DATASET EXCERPTS section start
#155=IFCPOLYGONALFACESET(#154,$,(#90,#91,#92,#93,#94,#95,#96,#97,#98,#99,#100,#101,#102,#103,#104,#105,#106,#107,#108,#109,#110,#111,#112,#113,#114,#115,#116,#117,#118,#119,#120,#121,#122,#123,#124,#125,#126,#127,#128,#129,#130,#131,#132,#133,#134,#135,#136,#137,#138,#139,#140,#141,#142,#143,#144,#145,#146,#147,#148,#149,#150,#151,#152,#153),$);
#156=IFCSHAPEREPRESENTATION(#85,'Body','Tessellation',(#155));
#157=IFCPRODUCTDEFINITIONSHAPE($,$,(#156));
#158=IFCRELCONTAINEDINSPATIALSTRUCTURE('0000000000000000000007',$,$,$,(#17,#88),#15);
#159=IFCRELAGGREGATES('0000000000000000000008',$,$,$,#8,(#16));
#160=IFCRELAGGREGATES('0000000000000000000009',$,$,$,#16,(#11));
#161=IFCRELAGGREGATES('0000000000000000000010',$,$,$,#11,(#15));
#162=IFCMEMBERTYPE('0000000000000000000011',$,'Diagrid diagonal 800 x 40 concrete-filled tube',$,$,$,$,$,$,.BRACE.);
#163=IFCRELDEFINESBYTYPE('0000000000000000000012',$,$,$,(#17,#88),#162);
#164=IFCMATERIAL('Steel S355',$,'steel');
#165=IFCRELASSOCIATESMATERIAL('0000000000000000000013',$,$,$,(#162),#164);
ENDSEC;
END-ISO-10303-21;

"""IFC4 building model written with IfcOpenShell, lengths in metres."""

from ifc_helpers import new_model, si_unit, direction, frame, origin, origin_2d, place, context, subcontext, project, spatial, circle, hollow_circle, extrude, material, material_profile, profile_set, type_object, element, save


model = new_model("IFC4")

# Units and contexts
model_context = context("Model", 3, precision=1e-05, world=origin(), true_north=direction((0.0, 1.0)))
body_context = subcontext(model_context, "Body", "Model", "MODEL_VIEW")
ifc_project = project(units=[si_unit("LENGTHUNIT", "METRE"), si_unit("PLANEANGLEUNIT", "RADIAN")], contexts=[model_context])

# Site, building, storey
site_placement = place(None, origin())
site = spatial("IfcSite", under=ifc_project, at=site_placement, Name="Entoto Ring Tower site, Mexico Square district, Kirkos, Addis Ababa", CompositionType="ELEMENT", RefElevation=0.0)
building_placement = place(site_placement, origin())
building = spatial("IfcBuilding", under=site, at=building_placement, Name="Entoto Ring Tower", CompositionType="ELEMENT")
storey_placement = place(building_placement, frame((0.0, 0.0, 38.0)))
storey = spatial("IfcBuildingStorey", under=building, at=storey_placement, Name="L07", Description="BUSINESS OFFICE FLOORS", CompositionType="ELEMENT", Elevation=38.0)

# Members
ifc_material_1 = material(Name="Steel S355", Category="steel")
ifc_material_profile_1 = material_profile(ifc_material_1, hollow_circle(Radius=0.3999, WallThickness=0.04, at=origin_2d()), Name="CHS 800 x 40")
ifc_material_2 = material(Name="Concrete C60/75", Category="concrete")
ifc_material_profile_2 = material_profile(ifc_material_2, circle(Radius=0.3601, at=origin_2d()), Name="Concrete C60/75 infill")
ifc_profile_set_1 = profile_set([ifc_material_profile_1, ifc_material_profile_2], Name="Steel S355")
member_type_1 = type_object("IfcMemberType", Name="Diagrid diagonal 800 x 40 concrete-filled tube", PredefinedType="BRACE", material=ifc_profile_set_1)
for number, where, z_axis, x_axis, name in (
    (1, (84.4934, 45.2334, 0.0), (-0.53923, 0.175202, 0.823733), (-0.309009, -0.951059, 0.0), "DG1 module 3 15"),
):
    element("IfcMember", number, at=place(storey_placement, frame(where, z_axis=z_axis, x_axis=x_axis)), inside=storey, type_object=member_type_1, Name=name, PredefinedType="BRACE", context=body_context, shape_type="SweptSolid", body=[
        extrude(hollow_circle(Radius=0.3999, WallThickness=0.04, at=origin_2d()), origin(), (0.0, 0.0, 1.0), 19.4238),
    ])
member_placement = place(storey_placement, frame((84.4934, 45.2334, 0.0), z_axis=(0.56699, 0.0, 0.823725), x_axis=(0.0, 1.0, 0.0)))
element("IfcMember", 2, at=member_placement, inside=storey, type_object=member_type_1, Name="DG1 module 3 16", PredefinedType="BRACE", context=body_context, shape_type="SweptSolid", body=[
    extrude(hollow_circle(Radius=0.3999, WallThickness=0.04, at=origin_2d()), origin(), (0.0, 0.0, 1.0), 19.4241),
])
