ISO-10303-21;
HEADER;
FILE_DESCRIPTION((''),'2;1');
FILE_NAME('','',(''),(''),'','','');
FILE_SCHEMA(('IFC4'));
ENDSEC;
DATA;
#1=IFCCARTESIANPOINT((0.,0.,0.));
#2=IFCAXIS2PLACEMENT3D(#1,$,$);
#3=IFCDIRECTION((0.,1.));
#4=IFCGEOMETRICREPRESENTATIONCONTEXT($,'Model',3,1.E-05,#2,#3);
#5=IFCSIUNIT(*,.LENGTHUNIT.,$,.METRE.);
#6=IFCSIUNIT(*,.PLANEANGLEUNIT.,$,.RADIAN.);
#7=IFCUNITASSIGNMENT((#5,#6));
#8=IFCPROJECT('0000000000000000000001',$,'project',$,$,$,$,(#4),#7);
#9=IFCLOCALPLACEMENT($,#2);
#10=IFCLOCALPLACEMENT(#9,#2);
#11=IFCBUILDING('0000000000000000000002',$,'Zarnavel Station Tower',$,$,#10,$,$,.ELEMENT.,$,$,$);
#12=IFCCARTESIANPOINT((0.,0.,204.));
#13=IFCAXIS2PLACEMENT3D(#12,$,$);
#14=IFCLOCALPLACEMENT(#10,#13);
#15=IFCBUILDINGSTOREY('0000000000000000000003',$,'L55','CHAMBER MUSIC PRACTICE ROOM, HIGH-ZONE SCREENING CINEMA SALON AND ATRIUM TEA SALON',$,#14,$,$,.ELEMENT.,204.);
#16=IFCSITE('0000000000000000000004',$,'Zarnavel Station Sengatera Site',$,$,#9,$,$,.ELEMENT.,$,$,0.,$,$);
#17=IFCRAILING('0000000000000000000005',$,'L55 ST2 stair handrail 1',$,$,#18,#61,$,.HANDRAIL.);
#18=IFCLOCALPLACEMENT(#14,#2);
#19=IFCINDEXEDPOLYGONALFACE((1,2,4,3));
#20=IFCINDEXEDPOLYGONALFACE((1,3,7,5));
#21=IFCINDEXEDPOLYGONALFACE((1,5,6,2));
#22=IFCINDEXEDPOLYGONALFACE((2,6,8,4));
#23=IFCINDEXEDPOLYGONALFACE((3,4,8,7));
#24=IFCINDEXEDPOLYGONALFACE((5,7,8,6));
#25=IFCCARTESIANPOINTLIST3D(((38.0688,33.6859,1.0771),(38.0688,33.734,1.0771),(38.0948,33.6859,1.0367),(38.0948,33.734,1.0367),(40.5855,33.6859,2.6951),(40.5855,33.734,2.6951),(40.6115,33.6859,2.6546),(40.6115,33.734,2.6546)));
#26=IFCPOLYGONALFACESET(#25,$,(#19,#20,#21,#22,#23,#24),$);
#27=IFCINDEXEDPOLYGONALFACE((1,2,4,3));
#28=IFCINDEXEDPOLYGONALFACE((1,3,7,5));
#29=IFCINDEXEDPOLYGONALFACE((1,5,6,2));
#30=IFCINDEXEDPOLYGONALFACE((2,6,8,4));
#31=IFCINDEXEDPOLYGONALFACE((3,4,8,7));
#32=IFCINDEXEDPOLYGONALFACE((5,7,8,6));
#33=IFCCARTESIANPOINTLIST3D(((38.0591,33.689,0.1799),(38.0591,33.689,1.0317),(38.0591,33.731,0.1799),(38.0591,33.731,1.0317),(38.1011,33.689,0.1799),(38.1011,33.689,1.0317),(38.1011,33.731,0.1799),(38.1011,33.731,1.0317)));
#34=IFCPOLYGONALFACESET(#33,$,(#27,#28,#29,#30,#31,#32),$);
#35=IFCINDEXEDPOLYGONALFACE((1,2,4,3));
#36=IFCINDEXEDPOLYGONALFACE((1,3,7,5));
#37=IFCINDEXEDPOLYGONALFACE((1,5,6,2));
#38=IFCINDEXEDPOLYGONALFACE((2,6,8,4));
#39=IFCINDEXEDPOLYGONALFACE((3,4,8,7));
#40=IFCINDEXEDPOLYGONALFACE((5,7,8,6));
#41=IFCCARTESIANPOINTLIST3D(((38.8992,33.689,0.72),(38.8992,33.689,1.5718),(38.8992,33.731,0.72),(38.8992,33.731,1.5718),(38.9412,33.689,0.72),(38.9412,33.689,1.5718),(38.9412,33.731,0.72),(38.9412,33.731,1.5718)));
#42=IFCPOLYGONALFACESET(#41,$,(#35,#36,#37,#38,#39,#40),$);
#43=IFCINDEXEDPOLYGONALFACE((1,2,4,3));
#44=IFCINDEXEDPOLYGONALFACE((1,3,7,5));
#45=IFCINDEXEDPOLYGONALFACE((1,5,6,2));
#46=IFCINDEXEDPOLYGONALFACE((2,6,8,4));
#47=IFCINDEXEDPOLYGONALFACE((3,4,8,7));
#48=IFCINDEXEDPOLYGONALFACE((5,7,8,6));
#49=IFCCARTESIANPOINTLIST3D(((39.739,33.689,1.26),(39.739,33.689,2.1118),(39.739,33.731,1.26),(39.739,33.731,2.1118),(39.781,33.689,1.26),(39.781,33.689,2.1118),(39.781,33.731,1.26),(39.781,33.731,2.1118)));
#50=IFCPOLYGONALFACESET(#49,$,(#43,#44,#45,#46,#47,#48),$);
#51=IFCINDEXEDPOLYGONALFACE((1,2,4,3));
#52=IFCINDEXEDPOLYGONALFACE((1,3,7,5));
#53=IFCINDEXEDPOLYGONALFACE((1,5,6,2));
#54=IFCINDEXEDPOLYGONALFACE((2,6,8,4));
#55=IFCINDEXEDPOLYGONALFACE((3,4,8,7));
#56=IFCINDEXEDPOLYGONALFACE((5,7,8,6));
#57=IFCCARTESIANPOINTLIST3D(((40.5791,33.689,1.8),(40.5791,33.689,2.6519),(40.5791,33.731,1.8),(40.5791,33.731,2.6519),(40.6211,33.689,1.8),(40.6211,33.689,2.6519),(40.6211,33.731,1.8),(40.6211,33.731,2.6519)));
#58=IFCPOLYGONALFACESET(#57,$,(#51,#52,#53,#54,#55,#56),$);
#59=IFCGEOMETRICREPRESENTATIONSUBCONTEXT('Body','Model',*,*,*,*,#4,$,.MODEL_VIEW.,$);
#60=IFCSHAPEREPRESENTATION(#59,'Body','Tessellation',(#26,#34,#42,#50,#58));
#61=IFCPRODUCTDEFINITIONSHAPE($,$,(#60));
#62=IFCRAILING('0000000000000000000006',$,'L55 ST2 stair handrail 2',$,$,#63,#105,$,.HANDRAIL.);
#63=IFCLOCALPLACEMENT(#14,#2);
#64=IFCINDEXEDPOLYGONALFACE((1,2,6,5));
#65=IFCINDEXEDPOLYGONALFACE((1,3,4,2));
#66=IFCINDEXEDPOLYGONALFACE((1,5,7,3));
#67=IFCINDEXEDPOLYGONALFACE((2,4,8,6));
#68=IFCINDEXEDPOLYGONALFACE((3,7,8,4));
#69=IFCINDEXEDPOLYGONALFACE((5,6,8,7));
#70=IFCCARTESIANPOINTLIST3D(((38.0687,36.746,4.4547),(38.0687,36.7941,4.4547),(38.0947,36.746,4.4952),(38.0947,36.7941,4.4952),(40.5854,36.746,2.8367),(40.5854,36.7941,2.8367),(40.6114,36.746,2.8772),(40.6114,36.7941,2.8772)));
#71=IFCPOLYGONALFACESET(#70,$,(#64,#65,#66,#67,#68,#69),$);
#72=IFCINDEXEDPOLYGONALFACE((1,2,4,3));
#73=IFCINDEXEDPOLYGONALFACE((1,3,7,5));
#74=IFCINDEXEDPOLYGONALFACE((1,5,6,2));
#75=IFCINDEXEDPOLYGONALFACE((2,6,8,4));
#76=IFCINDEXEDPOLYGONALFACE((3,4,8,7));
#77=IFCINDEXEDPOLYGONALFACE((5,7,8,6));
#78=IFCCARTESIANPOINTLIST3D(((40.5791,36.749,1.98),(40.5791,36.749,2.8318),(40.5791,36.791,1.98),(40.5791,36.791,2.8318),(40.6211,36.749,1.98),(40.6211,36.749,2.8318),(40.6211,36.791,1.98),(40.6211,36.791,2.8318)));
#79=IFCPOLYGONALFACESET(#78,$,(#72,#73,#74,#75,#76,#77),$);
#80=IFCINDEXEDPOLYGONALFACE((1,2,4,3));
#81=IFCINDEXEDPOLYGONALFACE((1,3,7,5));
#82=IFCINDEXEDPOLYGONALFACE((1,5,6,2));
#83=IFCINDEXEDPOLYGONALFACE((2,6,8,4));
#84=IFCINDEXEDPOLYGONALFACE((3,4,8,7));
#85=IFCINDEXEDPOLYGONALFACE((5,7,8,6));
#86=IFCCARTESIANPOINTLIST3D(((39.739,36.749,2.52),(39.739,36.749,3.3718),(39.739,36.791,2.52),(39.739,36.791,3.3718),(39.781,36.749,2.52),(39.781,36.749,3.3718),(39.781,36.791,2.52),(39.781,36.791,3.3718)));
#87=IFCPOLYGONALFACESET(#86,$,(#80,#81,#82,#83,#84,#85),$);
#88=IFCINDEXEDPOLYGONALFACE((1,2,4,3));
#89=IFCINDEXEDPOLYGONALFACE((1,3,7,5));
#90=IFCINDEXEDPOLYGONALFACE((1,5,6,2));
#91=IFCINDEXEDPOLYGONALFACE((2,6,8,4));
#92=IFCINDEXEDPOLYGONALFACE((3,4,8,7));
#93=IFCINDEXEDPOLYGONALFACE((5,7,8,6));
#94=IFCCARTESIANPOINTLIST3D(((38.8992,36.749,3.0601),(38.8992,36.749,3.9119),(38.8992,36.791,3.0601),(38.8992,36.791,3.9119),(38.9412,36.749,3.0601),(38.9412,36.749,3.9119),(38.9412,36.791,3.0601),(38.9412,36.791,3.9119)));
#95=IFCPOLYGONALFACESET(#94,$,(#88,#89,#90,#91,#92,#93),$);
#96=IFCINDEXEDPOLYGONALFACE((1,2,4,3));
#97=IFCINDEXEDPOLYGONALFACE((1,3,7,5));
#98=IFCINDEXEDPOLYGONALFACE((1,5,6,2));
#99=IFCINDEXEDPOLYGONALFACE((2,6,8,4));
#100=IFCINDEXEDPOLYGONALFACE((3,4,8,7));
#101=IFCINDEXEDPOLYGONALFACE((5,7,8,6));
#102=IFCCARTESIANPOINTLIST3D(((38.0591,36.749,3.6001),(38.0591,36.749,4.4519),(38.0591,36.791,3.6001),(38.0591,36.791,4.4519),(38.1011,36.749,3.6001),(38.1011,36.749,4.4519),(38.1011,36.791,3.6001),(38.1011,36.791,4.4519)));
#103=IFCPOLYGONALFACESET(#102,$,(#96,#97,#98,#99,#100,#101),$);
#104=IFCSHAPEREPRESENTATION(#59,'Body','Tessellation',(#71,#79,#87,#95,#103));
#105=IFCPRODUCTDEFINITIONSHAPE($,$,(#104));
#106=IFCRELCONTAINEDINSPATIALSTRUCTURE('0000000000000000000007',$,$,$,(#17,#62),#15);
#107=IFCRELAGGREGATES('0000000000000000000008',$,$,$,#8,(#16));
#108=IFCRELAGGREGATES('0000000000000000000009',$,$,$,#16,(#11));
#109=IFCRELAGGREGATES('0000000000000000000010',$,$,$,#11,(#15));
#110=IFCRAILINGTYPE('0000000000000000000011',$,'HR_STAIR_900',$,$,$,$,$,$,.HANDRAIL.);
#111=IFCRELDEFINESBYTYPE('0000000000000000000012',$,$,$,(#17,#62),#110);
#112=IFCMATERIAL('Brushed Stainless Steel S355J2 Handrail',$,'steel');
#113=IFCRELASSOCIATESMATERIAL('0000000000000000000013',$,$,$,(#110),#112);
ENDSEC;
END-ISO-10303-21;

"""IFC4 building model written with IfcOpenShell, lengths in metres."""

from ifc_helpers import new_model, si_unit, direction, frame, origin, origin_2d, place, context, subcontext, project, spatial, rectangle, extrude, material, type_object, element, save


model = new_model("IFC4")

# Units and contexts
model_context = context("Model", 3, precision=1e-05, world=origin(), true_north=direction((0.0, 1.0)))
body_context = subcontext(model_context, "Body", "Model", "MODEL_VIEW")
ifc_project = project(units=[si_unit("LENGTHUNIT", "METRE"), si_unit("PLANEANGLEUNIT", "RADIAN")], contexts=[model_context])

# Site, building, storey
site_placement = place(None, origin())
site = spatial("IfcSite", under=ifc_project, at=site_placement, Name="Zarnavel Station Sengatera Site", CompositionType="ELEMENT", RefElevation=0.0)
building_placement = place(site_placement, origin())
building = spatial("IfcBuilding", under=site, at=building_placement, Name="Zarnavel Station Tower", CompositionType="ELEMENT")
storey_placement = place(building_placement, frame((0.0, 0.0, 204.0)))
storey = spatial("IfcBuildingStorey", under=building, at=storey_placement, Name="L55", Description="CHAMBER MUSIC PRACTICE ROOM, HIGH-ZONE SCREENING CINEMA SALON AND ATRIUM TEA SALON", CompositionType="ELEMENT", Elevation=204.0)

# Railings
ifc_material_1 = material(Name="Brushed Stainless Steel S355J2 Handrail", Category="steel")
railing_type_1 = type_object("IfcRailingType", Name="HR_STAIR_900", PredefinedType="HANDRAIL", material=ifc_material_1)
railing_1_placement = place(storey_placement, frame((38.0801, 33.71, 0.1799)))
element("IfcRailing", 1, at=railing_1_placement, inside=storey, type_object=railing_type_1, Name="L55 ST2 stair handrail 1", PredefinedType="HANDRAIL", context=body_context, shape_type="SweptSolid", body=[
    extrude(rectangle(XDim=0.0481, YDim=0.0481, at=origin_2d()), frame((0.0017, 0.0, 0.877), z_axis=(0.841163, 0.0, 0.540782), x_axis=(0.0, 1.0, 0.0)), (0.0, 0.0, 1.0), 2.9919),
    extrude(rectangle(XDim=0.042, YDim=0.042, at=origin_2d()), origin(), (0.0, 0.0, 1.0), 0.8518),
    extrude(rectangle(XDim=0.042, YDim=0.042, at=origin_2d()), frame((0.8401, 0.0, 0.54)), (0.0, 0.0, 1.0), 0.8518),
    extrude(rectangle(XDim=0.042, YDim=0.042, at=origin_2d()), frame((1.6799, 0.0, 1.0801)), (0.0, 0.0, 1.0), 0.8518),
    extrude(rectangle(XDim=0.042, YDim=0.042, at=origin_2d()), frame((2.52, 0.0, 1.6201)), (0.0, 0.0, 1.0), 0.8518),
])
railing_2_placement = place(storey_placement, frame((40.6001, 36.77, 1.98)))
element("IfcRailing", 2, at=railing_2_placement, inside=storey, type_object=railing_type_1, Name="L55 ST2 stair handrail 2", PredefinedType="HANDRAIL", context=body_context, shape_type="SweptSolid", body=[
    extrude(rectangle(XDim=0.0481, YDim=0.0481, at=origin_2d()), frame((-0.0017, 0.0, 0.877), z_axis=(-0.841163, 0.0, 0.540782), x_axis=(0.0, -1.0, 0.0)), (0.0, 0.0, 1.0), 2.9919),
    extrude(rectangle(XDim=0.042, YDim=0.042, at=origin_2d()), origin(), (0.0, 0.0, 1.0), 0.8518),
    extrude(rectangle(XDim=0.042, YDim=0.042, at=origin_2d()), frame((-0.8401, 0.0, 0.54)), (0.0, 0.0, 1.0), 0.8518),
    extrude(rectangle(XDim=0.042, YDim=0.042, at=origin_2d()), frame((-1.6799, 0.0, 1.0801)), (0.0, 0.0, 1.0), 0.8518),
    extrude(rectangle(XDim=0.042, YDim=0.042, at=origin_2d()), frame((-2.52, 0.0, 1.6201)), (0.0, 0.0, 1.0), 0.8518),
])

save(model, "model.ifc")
DATASET EXCERPTS section end
Nothing beyond the line containing "#161=IFCRELAGGREGATES('0000000000000000000010',$,$,$,#11,(#15));" is to be output; the lines above, from the first one onward to that line, are to be transcribed exactly.

#155=IFCPOLYGONALFACESET(#154,$,(#90,#91,#92,#93,#94,#95,#96,#97,#98,#99,#100,#101,#102,#103,#104,#105,#106,#107,#108,#109,#110,#111,#112,#113,#114,#115,#116,#117,#118,#119,#120,#121,#122,#123,#124,#125,#126,#127,#128,#129,#130,#131,#132,#133,#134,#135,#136,#137,#138,#139,#140,#141,#142,#143,#144,#145,#146,#147,#148,#149,#150,#151,#152,#153),$);
#156=IFCSHAPEREPRESENTATION(#85,'Body','Tessellation',(#155));
#157=IFCPRODUCTDEFINITIONSHAPE($,$,(#156));
#158=IFCRELCONTAINEDINSPATIALSTRUCTURE('0000000000000000000007',$,$,$,(#17,#88),#15);
#159=IFCRELAGGREGATES('0000000000000000000008',$,$,$,#8,(#16));
#160=IFCRELAGGREGATES('0000000000000000000009',$,$,$,#16,(#11));
#161=IFCRELAGGREGATES('0000000000000000000010',$,$,$,#11,(#15));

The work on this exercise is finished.